Search the records for "IfcBeamType". Copy every line where it appears.

* Data records *
════════════════
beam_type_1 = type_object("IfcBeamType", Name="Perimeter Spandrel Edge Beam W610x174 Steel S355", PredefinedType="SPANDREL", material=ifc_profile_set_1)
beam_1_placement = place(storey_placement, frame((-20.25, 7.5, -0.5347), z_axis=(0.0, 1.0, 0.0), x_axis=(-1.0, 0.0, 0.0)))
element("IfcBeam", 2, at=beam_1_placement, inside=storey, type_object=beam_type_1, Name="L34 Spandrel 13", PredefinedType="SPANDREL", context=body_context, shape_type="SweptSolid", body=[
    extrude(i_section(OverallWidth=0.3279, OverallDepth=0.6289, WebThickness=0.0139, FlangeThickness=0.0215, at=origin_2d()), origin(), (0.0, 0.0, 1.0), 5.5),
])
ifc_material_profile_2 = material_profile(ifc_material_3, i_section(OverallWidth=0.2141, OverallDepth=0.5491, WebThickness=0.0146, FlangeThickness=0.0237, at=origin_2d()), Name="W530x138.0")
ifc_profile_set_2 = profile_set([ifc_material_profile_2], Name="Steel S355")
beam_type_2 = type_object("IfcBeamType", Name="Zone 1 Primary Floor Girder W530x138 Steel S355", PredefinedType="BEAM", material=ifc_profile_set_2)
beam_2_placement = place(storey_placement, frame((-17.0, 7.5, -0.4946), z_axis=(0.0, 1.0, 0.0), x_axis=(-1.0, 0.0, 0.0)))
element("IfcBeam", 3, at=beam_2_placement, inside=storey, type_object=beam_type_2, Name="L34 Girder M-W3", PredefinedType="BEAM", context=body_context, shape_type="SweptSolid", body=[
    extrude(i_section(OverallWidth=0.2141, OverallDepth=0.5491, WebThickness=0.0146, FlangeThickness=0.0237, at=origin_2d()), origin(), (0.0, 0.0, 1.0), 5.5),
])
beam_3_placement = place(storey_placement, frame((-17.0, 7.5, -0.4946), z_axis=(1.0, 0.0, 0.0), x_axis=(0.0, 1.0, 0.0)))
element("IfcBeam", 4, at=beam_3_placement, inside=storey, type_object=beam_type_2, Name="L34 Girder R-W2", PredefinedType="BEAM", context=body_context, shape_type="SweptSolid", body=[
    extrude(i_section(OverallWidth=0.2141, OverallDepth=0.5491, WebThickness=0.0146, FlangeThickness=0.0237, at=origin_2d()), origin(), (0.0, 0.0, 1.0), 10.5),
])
════════════════
* Exercise output *
beam_type_1 = type_object("IfcBeamType", Name="Perimeter Spandrel Edge Beam W610x174 Steel S355", PredefinedType="SPANDREL", material=ifc_profile_set_1)
beam_type_2 = type_object("IfcBeamType", Name="Zone 1 Primary Floor Girder W530x138 Steel S355", PredefinedType="BEAM", material=ifc_profile_set_2)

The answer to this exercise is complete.